(Collected data entries)
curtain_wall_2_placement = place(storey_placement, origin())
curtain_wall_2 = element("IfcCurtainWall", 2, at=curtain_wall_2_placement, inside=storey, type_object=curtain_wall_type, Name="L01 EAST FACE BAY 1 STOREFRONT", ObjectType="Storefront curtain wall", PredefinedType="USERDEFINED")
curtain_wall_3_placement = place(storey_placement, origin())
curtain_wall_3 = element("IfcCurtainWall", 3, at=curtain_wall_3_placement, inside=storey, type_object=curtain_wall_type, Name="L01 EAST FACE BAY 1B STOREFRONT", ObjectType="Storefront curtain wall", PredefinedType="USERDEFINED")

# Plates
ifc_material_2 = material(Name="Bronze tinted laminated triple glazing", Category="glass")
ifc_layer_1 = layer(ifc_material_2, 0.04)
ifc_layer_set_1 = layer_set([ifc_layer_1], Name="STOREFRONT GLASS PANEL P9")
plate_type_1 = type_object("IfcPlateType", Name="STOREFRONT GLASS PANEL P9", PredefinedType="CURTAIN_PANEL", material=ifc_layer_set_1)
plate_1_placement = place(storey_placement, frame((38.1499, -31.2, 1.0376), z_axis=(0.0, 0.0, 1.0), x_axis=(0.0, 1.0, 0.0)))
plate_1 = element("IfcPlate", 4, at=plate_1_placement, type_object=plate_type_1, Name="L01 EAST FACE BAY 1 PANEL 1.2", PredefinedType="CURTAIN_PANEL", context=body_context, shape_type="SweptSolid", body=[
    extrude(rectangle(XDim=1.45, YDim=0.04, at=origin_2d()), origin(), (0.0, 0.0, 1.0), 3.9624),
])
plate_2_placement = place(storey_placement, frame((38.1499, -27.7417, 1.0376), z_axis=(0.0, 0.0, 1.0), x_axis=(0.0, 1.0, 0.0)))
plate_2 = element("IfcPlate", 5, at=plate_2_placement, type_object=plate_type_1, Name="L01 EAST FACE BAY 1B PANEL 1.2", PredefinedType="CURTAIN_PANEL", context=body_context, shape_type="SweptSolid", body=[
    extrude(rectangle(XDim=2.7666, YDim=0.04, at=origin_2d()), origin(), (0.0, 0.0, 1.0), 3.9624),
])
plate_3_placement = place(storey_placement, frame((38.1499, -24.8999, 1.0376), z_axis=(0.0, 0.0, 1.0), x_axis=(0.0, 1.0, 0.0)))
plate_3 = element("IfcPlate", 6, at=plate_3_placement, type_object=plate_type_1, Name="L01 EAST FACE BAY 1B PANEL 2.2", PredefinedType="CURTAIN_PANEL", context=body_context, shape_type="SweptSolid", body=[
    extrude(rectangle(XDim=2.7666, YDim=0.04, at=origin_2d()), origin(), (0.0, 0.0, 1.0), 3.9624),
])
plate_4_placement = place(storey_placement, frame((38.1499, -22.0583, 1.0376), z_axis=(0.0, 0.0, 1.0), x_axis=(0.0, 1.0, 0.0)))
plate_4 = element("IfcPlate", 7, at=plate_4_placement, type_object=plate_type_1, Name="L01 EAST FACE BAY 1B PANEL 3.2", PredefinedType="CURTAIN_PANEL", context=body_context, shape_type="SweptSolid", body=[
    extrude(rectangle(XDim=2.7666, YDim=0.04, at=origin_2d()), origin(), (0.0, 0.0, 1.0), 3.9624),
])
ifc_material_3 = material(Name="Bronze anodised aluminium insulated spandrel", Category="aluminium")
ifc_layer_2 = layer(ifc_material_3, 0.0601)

- **Problem**:
Lines from the entries that contain the string "PredefinedType" are what must be copied.

- **Output below**:
curtain_wall_2 = element("IfcCurtainWall", 2, at=curtain_wall_2_placement, inside=storey, type_object=curtain_wall_type, Name="L01 EAST FACE BAY 1 STOREFRONT", ObjectType="Storefront curtain wall", PredefinedType="USERDEFINED")
curtain_wall_3 = element("IfcCurtainWall", 3, at=curtain_wall_3_placement, inside=storey, type_object=curtain_wall_type, Name="L01 EAST FACE BAY 1B STOREFRONT", ObjectType="Storefront curtain wall", PredefinedType="USERDEFINED")
plate_type_1 = type_object("IfcPlateType", Name="STOREFRONT GLASS PANEL P9", PredefinedType="CURTAIN_PANEL", material=ifc_layer_set_1)
plate_1 = element("IfcPlate", 4, at=plate_1_placement, type_object=plate_type_1, Name="L01 EAST FACE BAY 1 PANEL 1.2", PredefinedType="CURTAIN_PANEL", context=body_context, shape_type="SweptSolid", body=[
plate_2 = element("IfcPlate", 5, at=plate_2_placement, type_object=plate_type_1, Name="L01 EAST FACE BAY 1B PANEL 1.2", PredefinedType="CURTAIN_PANEL", context=body_context, shape_type="SweptSolid", body=[
plate_3 = element("IfcPlate", 6, at=plate_3_placement, type_object=plate_type_1, Name="L01 EAST FACE BAY 1B PANEL 2.2", PredefinedType="CURTAIN_PANEL", context=body_context, shape_type="SweptSolid", body=[
plate_4 = element("IfcPlate", 7, at=plate_4_placement, type_object=plate_type_1, Name="L01 EAST FACE BAY 1B PANEL 3.2", PredefinedType="CURTAIN_PANEL", context=body_context, shape_type="SweptSolid", body=[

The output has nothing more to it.